Taking the listing below, restate word for word each line from the line with "#6=IFCSIUNIT(*,.PLANEANGLEUNIT.,$,.RADIAN.);" to the line with "HOTEL GUEST FLOORS',$,#14,$,$,.ELEMENT.,84.3);", ends included, and stop there.

*** Opening of Source data ***

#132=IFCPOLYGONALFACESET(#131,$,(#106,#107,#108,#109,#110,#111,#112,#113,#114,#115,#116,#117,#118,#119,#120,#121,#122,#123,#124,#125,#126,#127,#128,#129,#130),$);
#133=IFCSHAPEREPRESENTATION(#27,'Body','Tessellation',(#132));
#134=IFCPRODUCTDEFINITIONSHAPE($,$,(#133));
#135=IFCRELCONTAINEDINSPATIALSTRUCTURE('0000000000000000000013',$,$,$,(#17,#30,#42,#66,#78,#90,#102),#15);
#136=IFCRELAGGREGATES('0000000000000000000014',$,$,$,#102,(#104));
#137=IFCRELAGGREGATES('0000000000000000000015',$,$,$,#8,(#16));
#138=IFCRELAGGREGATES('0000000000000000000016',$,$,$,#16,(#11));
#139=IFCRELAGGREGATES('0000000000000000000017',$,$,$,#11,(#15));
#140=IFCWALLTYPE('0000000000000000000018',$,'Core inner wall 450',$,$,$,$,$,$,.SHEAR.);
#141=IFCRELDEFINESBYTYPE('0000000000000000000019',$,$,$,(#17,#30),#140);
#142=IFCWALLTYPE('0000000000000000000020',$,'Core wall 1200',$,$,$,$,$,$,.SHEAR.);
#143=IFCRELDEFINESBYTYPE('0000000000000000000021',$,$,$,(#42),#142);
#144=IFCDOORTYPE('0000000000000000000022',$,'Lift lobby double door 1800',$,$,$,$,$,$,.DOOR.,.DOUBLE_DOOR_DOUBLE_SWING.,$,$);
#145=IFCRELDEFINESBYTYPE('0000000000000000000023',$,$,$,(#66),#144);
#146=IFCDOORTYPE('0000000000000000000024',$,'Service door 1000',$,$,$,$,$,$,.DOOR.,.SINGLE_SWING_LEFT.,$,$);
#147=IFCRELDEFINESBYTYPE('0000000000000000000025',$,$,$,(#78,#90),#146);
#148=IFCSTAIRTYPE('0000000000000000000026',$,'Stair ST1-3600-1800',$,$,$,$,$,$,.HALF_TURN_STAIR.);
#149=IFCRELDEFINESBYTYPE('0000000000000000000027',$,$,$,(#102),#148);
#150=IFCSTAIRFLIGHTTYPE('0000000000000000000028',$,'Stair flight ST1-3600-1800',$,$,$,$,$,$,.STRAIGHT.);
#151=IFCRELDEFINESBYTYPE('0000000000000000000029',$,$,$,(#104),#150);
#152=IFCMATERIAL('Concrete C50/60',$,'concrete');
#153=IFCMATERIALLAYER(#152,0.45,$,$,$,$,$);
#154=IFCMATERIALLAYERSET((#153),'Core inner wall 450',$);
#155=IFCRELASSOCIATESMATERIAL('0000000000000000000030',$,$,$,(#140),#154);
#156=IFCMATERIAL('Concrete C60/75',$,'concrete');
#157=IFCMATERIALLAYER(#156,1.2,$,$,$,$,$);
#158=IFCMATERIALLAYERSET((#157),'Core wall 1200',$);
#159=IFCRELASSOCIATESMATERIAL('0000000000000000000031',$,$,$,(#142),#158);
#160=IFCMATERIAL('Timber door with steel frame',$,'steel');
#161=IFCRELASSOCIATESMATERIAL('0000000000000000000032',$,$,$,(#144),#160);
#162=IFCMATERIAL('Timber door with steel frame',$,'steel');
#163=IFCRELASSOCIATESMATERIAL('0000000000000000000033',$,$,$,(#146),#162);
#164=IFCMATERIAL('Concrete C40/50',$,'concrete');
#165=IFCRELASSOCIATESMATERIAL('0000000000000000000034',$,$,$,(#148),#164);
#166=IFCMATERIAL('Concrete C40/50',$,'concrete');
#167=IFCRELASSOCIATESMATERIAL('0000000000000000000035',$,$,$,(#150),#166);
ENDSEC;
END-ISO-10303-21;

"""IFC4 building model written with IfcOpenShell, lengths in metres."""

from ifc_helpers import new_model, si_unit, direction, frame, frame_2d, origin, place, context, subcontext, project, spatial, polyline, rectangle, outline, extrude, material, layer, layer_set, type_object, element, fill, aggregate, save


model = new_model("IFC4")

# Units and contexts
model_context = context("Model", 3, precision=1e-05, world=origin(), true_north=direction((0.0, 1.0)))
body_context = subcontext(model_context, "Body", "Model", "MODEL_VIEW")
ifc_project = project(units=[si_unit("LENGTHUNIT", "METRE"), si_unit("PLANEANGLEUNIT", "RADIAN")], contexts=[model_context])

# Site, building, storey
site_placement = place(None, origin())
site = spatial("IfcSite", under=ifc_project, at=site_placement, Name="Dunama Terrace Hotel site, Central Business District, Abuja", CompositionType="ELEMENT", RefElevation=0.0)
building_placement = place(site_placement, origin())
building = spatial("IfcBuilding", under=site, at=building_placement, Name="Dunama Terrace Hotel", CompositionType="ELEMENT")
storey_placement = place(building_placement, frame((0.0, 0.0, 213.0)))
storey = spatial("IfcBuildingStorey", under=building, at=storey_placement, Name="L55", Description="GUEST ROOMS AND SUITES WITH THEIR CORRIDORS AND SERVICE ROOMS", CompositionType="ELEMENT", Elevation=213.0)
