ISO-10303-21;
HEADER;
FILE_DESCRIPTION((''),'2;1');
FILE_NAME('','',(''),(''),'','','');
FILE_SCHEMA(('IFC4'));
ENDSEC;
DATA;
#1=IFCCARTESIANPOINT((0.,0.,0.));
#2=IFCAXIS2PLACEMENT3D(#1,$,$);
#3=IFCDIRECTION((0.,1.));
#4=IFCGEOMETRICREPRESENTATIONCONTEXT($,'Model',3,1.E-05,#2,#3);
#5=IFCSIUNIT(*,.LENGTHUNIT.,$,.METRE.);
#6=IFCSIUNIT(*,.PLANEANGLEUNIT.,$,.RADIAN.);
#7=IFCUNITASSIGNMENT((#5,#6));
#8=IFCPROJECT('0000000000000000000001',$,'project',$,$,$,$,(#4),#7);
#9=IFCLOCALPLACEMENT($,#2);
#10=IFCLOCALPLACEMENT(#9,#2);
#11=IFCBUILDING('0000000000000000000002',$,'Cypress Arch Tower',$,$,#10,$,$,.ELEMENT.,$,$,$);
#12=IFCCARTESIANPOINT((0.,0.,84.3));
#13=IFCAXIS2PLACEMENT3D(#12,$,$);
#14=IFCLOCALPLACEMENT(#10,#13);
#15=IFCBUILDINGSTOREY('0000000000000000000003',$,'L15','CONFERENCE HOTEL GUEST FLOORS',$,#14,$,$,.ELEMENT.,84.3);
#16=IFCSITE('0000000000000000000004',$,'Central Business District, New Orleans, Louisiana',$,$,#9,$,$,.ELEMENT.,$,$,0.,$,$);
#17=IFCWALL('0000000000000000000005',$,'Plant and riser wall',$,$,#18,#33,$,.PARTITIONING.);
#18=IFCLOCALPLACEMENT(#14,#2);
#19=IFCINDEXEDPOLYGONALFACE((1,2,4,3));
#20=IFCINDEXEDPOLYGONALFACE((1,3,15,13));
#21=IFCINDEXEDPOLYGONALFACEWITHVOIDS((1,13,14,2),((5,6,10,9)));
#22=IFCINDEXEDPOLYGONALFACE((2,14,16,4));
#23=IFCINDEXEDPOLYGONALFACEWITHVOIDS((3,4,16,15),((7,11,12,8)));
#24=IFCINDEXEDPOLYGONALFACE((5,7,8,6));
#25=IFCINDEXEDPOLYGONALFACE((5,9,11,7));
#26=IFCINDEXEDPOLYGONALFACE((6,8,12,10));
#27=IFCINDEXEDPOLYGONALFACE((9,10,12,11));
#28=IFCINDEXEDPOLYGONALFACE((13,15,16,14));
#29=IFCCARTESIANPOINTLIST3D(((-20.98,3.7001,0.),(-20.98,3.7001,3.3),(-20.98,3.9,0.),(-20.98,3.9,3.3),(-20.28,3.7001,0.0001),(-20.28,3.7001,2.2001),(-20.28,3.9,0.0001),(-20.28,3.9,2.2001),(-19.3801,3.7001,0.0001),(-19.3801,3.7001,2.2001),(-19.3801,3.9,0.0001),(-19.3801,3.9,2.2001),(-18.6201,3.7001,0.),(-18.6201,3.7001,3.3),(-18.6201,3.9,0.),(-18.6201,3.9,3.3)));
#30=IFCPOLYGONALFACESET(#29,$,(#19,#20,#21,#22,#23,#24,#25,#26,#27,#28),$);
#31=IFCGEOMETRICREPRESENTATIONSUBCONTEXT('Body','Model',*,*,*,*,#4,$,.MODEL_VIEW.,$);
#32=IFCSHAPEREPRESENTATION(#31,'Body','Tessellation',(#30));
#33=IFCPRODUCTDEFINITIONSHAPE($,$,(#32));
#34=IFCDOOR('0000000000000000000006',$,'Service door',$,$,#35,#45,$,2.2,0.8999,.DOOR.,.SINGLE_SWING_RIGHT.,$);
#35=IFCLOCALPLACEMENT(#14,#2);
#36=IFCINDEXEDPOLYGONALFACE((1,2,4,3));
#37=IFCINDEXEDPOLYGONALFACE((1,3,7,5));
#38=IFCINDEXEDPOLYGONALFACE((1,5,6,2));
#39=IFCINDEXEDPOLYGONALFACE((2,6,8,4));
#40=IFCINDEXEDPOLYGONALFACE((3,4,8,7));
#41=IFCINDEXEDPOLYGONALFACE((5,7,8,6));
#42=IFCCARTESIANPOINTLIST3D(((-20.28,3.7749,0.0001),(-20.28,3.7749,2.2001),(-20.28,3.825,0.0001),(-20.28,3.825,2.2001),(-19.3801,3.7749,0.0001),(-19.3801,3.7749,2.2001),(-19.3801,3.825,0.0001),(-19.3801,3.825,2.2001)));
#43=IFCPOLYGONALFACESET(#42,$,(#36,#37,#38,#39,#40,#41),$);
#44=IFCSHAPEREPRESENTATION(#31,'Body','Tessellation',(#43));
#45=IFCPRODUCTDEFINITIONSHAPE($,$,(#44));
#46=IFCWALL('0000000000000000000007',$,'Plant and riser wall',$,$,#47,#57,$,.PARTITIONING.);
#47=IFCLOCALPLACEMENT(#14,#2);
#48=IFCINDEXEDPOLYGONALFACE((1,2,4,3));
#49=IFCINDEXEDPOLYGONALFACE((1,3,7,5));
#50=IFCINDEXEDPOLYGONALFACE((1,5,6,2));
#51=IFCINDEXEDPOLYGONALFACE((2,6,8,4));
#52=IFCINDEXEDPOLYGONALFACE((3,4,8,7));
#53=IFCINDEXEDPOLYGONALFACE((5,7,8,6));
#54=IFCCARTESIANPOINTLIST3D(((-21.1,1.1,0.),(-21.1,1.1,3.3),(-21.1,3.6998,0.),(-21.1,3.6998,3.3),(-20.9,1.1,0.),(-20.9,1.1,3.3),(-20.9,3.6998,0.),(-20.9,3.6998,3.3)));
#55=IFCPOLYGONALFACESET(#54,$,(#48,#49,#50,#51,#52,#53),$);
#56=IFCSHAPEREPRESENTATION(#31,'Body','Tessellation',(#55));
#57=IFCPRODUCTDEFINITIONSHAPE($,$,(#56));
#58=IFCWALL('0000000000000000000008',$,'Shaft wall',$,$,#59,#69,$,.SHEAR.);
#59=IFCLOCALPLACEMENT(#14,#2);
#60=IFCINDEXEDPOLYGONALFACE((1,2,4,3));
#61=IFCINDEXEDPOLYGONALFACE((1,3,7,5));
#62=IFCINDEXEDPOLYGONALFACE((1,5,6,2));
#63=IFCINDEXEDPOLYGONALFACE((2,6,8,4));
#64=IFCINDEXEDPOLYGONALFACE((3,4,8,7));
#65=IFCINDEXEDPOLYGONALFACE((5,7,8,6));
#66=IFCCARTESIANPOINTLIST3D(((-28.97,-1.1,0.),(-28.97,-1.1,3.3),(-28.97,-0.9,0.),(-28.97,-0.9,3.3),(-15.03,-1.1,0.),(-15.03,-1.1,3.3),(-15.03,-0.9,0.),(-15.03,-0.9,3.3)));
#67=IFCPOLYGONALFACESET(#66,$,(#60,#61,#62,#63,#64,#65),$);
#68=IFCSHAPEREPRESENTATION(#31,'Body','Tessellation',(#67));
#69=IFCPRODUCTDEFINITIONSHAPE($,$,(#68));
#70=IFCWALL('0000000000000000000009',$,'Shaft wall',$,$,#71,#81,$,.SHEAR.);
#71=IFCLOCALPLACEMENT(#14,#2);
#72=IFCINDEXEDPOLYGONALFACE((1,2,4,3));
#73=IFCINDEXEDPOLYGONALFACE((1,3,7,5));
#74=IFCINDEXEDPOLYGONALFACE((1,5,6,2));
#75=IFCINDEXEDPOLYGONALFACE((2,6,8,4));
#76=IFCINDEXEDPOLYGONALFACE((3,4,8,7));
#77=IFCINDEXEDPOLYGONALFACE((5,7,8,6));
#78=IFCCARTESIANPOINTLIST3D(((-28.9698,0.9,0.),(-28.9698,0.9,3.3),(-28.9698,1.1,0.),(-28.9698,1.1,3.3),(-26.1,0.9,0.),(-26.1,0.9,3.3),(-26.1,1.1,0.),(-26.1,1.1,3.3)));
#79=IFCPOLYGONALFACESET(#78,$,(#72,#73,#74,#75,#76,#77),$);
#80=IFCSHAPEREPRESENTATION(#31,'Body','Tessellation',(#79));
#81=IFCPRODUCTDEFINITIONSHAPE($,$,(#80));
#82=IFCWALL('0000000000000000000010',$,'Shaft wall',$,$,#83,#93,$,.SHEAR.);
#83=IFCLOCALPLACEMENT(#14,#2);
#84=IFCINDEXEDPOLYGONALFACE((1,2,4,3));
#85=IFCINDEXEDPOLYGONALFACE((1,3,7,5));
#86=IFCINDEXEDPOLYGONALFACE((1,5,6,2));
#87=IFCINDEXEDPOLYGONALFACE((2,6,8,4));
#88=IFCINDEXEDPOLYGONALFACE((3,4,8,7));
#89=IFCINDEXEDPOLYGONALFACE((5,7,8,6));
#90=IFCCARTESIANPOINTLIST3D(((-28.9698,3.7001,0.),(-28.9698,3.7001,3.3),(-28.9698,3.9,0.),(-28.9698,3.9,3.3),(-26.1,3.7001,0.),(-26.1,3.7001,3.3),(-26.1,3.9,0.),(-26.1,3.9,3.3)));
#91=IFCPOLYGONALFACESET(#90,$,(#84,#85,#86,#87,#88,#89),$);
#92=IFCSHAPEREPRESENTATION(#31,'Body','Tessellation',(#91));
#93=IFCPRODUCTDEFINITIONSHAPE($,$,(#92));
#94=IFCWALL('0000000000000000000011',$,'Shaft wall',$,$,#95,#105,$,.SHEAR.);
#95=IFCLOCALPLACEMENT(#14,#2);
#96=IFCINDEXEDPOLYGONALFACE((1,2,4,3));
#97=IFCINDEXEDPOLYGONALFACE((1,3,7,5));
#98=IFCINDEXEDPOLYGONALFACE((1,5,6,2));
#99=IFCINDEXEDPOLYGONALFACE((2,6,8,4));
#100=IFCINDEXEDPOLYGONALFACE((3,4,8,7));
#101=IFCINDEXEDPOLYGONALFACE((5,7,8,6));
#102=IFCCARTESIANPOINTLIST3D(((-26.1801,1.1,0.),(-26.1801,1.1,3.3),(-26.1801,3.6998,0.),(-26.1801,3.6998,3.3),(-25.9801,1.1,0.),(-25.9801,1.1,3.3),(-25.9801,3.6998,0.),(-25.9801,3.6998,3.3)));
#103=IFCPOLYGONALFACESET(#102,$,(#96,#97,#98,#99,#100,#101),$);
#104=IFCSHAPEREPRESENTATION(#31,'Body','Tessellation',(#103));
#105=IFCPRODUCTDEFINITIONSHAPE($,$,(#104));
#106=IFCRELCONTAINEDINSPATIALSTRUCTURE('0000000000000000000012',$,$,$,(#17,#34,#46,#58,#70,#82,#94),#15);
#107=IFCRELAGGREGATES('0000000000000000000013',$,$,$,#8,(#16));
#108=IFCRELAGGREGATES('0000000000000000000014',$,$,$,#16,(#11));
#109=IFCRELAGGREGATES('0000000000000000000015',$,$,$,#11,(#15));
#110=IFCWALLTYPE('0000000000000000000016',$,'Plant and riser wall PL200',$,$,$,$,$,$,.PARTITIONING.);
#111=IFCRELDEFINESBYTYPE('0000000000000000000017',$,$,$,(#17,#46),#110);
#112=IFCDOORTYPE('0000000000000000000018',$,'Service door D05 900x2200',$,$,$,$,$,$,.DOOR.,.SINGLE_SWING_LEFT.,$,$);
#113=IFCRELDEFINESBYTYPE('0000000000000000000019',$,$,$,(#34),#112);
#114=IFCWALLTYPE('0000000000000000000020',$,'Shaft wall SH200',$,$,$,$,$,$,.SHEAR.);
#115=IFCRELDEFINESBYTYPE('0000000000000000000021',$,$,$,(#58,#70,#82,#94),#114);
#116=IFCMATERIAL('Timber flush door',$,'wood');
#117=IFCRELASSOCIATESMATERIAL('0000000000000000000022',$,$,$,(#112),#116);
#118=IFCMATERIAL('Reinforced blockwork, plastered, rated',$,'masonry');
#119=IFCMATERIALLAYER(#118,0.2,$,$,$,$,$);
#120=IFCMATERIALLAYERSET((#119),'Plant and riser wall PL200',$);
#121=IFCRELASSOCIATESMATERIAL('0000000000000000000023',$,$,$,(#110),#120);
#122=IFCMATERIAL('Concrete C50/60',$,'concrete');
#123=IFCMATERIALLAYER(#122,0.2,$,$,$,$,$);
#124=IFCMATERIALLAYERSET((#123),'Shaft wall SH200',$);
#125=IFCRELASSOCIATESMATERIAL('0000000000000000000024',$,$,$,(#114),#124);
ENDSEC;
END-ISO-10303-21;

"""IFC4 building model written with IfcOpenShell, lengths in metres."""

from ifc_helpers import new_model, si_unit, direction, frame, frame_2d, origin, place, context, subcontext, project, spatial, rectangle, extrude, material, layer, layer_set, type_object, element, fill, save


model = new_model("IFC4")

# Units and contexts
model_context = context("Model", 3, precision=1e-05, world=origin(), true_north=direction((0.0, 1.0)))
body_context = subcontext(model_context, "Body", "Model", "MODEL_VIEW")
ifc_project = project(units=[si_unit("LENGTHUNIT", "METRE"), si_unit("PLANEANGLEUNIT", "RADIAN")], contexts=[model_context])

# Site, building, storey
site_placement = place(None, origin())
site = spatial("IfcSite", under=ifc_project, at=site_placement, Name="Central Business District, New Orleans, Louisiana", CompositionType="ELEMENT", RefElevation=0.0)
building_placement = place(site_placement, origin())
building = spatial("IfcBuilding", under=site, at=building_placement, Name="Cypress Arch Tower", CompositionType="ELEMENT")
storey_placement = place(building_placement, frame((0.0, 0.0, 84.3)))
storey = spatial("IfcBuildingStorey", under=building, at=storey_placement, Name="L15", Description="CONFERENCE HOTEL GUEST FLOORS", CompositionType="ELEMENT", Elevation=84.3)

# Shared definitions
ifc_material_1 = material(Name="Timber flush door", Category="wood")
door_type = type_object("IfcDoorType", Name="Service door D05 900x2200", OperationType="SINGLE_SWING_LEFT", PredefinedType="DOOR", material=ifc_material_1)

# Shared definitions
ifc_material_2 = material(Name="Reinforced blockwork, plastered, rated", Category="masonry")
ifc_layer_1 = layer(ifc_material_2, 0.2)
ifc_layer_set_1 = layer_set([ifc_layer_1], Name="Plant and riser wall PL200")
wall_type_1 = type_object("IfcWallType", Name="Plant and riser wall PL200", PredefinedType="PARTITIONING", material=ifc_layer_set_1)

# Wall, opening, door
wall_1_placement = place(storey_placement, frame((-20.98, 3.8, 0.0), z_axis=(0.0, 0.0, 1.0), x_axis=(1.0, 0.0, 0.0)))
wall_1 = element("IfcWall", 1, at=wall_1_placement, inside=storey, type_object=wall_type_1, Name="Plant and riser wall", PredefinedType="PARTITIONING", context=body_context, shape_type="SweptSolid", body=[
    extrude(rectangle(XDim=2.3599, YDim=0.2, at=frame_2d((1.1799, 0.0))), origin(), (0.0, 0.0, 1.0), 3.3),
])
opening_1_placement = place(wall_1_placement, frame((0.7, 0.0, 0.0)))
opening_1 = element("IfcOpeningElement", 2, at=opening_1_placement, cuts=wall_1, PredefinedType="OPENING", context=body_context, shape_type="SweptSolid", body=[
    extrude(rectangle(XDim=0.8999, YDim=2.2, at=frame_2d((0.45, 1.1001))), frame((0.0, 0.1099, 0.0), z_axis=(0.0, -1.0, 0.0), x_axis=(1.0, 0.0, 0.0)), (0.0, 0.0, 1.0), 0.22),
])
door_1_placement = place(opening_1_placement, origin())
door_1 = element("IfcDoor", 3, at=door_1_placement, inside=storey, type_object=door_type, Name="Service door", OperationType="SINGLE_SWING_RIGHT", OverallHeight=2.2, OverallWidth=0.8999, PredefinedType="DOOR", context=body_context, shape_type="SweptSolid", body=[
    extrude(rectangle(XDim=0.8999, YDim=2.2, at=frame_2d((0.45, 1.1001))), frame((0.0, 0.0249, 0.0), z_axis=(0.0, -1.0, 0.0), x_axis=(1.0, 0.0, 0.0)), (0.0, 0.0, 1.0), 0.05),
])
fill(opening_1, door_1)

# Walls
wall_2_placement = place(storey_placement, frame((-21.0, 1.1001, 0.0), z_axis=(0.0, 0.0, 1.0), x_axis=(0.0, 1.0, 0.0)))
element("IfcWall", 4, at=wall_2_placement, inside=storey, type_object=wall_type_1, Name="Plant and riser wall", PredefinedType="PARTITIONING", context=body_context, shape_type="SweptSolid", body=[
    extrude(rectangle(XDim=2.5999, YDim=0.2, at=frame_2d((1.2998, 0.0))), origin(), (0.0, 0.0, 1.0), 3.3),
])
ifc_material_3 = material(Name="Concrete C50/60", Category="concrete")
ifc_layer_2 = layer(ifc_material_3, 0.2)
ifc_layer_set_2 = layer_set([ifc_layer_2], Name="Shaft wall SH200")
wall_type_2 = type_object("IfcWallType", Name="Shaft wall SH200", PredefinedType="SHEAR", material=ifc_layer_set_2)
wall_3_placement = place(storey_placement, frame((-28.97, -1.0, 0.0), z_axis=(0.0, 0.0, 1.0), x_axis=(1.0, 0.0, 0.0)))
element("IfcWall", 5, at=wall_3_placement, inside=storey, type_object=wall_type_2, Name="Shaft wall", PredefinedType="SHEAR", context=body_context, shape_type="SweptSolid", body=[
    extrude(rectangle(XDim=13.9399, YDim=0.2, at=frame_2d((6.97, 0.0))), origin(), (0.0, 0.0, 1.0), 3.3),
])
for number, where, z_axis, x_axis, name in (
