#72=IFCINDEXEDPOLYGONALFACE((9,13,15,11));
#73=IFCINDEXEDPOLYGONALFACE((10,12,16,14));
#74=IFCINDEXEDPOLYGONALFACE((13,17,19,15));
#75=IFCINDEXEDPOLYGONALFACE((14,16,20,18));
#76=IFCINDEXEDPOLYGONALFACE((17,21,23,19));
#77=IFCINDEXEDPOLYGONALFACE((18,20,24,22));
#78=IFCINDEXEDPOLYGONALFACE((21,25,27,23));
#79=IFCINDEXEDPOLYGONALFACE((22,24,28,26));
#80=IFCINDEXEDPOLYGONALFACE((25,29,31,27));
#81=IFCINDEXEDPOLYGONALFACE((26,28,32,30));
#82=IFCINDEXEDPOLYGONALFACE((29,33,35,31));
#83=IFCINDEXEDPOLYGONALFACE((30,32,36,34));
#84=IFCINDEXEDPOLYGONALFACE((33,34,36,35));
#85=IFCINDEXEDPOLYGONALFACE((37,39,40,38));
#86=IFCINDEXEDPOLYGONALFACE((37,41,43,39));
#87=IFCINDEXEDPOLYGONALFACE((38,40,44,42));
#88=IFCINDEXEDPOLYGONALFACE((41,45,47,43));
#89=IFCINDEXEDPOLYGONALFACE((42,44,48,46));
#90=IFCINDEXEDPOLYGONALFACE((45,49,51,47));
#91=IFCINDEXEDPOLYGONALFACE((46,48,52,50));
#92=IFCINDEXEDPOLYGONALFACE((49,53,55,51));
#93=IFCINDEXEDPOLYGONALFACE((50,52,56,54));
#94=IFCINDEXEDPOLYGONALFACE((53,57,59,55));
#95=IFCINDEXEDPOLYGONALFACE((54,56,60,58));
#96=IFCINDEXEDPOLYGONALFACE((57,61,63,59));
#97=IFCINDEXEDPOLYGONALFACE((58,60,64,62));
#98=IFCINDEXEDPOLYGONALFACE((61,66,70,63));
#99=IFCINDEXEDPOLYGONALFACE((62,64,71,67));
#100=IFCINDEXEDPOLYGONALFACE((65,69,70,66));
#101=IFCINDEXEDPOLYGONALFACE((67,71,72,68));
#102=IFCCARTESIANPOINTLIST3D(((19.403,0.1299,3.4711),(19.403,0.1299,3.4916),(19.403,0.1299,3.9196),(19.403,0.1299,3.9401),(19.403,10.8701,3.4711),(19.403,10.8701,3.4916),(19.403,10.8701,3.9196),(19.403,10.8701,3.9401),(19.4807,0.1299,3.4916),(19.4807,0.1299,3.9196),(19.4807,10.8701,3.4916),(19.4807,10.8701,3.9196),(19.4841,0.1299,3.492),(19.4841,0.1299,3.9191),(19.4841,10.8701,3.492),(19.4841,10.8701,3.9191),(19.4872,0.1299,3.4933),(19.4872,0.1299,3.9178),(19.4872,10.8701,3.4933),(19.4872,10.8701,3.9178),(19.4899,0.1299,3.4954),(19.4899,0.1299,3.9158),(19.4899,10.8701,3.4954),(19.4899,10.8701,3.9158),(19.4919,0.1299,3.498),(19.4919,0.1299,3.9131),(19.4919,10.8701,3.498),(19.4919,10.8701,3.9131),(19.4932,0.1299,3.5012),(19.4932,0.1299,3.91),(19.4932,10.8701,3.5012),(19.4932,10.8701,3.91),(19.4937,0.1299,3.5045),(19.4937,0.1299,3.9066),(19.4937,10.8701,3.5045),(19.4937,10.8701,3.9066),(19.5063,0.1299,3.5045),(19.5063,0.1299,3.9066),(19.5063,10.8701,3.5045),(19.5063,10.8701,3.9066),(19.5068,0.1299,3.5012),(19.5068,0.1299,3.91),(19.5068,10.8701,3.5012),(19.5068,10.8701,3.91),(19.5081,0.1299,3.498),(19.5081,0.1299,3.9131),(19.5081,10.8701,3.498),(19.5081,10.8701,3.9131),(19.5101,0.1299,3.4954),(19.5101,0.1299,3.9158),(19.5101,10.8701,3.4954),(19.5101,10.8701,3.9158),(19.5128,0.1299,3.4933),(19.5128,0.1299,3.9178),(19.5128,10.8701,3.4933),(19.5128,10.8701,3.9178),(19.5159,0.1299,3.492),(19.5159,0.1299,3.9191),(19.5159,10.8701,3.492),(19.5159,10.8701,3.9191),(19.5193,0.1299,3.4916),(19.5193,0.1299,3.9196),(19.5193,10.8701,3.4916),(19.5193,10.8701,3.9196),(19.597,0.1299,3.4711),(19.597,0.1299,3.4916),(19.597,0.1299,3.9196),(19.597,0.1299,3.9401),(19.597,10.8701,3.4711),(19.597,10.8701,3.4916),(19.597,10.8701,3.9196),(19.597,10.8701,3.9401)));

*** Close of Source data ***

#### [Final answer]
#6=IFCSIUNIT(*,.PLANEANGLEUNIT.,$,.RADIAN.);
#7=IFCUNITASSIGNMENT((#5,#6));
#8=IFCPROJECT('0000000000000000000001',$,'project',$,$,$,$,(#4),#7);
#9=IFCLOCALPLACEMENT($,#2);
#10=IFCLOCALPLACEMENT(#9,#2);
#11=IFCBUILDING('0000000000000000000002',$,'Cypress Arch Tower',$,$,#10,$,$,.ELEMENT.,$,$,$);
#12=IFCCARTESIANPOINT((0.,0.,84.3));
#13=IFCAXIS2PLACEMENT3D(#12,$,$);
#14=IFCLOCALPLACEMENT(#10,#13);
#15=IFCBUILDINGSTOREY('0000000000000000000003',$,'L15','CONFERENCE HOTEL GUEST FLOORS',$,#14,$,$,.ELEMENT.,84.3);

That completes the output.